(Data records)
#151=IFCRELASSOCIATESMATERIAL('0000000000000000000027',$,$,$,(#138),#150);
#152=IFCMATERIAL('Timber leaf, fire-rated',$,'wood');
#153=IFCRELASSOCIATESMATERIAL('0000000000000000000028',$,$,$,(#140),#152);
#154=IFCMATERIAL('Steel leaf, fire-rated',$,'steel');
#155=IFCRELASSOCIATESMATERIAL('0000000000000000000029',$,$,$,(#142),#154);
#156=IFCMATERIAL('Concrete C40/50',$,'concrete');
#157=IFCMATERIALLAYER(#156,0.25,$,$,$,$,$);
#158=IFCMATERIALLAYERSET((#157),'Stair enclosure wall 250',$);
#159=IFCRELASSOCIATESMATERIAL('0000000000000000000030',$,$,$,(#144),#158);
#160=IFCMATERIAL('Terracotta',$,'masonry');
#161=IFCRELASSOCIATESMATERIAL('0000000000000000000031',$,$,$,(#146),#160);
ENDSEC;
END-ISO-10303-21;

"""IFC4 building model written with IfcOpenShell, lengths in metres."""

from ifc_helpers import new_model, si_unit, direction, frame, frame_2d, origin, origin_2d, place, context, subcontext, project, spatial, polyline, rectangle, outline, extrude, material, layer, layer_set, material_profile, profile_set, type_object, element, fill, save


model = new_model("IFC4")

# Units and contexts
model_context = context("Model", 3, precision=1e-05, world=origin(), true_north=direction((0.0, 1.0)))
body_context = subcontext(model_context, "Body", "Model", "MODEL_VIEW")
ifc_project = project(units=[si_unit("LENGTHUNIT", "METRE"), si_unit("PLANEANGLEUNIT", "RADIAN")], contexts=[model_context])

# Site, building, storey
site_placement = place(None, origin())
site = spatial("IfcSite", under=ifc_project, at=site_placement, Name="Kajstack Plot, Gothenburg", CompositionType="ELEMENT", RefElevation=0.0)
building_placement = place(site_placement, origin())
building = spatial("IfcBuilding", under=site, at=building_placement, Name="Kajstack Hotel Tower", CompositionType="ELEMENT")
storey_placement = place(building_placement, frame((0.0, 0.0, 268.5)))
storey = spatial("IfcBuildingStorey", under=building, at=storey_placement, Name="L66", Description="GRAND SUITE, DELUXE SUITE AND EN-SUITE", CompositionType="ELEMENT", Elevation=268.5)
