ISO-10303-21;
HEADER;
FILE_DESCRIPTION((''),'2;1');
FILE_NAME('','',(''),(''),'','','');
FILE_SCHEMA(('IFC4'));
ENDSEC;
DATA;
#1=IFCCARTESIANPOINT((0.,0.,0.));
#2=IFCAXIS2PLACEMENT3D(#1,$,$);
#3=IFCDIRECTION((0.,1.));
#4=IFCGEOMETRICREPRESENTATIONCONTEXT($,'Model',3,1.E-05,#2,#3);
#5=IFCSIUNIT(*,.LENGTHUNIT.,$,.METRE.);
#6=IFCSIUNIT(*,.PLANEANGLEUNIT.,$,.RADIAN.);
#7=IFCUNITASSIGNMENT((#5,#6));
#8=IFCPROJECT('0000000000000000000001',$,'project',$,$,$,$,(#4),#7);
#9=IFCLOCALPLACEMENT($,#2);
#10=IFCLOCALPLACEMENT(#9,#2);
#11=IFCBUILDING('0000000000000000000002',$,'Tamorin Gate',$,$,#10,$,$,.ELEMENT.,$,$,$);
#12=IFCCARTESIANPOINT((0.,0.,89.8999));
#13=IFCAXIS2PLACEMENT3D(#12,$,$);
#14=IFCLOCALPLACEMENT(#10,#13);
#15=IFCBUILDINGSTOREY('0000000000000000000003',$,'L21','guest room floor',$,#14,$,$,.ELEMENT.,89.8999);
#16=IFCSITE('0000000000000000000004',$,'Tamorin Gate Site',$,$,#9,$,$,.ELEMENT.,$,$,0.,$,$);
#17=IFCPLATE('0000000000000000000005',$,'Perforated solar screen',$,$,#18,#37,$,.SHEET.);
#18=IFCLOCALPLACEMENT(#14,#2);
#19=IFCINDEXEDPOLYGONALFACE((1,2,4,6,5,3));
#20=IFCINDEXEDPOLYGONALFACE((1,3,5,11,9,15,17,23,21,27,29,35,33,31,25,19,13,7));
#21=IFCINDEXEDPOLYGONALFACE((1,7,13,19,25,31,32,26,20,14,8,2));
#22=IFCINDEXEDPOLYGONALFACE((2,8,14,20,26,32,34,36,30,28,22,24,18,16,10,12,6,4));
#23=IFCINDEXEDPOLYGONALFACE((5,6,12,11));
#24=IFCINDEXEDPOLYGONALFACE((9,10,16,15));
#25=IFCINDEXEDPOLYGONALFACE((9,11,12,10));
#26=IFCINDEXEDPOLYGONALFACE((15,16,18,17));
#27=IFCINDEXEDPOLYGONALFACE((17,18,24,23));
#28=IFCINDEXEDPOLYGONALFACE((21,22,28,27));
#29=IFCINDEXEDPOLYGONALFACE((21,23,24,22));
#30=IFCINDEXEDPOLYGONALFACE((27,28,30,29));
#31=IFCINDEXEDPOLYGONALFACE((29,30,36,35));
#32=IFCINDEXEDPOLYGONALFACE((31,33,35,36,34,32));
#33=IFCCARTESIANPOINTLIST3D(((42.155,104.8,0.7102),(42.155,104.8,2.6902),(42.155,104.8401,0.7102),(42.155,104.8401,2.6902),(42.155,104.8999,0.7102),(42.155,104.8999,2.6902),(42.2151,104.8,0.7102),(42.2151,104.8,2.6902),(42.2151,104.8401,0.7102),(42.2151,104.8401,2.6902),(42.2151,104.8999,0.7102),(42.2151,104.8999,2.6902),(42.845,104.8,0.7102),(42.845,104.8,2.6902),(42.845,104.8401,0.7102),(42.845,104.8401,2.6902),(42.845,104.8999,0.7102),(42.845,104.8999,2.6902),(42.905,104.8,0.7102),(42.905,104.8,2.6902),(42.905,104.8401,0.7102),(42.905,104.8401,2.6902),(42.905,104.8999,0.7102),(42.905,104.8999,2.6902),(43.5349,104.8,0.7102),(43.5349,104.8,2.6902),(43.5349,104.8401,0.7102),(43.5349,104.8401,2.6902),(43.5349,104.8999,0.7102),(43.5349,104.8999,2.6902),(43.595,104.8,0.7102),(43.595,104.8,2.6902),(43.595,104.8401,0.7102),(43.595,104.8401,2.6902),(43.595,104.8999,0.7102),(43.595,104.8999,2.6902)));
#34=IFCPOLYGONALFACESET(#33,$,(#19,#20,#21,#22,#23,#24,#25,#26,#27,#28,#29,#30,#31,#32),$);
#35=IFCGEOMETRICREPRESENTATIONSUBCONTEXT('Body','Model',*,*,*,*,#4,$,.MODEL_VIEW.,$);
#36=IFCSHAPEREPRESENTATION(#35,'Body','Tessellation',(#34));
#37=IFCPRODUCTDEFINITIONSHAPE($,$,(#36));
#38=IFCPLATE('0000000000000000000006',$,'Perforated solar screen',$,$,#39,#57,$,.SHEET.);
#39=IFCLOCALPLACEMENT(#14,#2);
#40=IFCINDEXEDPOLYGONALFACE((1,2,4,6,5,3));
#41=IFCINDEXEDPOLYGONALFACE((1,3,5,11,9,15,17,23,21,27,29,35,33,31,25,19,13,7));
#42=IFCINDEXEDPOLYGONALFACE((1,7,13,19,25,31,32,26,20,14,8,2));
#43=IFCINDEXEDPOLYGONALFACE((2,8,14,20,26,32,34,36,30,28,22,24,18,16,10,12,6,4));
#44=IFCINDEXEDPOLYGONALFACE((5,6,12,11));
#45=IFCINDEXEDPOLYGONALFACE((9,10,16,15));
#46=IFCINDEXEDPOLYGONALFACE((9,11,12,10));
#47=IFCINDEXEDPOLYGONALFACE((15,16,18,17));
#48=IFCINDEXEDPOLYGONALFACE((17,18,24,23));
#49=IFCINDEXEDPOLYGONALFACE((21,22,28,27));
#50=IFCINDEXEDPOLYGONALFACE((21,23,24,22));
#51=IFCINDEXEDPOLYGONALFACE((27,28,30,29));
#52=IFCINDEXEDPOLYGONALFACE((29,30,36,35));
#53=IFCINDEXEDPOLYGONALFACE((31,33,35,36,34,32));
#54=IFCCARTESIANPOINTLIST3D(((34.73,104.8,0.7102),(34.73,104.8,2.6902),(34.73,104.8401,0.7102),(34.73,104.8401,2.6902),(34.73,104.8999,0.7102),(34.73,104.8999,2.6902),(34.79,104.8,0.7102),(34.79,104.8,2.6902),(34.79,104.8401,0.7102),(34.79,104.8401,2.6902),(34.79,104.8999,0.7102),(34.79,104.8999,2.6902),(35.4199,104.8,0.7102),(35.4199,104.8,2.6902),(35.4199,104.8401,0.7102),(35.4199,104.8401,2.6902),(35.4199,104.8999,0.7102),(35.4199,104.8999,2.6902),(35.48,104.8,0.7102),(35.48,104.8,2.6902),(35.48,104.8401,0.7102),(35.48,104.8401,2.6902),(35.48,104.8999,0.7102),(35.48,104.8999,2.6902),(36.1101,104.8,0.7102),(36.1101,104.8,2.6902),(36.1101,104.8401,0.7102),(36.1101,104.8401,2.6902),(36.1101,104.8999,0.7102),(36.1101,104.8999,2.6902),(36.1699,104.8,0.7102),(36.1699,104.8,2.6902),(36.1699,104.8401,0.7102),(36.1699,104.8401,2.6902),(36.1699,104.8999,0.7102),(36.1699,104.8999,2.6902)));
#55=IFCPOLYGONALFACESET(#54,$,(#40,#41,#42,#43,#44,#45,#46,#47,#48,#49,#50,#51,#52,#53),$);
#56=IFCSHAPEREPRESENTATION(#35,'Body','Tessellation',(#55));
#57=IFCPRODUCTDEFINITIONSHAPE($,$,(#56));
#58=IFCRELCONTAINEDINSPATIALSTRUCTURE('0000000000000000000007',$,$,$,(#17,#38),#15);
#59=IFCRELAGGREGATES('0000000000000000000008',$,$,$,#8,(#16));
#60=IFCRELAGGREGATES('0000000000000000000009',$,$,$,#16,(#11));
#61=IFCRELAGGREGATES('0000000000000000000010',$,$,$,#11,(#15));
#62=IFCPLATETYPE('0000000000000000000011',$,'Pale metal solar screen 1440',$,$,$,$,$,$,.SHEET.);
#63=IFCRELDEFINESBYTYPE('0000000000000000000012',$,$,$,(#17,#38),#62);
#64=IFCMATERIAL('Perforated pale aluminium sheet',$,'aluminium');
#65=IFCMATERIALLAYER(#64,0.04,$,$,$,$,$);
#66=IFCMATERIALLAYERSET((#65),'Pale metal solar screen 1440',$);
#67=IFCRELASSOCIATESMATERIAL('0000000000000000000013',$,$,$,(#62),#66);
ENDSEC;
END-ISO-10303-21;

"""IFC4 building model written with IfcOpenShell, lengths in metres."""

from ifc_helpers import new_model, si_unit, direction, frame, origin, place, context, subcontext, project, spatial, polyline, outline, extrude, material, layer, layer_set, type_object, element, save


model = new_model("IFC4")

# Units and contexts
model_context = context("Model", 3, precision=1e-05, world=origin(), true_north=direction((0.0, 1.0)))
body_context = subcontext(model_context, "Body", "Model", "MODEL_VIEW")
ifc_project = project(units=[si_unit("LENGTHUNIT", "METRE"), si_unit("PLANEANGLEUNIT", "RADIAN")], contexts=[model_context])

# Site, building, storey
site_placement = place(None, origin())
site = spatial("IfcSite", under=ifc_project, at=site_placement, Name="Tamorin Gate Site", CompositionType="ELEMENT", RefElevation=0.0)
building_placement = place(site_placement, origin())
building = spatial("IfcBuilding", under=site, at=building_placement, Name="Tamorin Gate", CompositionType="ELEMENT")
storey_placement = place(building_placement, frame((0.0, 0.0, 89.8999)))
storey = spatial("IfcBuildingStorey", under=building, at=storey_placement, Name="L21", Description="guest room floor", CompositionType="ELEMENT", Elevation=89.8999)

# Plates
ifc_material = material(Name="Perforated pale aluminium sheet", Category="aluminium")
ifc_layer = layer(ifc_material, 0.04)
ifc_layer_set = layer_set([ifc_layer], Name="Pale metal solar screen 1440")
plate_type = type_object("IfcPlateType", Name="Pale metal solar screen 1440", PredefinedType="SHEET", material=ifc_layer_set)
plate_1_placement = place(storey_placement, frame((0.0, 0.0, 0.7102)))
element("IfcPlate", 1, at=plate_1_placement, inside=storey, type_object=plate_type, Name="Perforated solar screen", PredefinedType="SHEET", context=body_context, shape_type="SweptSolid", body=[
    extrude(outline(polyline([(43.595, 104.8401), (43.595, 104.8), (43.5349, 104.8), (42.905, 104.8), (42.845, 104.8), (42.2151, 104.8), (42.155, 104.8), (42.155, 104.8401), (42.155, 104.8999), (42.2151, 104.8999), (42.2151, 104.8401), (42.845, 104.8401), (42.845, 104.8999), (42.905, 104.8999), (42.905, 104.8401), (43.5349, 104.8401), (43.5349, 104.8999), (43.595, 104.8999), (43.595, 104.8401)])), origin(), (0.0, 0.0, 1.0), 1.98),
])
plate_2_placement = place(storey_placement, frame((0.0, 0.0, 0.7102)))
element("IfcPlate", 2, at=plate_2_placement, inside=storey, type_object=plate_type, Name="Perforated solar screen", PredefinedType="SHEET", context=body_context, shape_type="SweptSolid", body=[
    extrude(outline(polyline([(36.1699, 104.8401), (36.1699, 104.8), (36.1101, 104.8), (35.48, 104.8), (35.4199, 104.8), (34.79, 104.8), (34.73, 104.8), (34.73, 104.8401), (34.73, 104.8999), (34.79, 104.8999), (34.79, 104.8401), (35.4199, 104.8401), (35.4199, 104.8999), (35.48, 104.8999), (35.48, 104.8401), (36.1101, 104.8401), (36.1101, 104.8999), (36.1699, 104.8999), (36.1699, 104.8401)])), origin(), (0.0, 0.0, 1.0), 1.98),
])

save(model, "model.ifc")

--

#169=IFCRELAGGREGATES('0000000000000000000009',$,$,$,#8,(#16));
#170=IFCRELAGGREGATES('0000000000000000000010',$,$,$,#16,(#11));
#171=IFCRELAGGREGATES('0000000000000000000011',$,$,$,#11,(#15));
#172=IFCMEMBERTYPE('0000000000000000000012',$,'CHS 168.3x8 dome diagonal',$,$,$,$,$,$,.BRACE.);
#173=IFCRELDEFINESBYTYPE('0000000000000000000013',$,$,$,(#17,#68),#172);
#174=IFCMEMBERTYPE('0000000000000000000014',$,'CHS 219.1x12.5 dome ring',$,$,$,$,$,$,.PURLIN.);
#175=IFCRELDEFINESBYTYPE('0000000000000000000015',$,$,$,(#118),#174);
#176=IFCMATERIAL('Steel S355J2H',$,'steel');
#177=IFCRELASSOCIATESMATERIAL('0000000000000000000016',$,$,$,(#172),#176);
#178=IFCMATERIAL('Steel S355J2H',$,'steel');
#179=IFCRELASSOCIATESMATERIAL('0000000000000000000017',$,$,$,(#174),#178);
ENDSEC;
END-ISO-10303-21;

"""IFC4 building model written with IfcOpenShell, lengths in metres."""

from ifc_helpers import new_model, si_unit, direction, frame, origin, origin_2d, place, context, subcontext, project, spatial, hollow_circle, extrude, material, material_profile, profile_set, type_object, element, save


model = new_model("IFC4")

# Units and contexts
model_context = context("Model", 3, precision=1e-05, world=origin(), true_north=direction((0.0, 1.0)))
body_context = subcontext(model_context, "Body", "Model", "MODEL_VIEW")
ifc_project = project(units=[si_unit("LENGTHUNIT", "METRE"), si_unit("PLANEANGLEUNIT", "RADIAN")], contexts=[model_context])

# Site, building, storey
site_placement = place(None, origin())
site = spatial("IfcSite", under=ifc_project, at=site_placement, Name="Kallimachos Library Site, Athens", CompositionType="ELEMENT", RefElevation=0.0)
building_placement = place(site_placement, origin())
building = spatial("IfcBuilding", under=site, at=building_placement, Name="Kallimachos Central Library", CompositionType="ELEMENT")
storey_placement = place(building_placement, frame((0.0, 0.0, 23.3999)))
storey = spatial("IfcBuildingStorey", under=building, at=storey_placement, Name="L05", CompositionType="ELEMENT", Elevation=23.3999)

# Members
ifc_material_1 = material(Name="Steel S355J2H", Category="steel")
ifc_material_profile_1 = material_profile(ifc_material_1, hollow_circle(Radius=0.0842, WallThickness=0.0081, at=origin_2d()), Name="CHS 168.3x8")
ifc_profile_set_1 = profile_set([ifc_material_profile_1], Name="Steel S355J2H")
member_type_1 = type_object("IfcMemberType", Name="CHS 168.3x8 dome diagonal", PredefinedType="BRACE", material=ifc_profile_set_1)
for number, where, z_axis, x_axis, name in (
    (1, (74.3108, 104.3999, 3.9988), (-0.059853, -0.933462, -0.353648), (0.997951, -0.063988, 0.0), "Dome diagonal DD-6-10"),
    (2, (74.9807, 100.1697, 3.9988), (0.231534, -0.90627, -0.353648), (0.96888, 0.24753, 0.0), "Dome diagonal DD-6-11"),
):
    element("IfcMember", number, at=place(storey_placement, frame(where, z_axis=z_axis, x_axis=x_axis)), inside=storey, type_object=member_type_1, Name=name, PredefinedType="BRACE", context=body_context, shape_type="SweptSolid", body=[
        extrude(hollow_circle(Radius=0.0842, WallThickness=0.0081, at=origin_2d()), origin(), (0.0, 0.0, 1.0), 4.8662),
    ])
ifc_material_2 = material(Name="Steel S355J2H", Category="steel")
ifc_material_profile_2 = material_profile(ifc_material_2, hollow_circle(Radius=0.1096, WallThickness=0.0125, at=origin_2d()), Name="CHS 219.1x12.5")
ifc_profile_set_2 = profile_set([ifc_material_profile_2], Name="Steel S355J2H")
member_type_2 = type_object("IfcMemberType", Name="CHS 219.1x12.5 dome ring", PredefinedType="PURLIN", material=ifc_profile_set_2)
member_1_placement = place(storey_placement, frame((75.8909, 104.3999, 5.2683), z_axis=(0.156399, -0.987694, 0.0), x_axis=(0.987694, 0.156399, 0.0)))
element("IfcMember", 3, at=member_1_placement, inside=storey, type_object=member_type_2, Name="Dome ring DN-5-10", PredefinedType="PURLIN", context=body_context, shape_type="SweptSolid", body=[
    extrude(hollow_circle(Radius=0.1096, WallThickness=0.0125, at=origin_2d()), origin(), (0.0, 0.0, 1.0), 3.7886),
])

» **ACTION ITEM**:
Go through the entries above and report each line with the string "IFCSHAPEREPRESENTATION" in it.

» **SOLUTION FOR THIS PROBLEM**:
#36=IFCSHAPEREPRESENTATION(#35,'Body','Tessellation',(#34));
#56=IFCSHAPEREPRESENTATION(#35,'Body','Tessellation',(#55));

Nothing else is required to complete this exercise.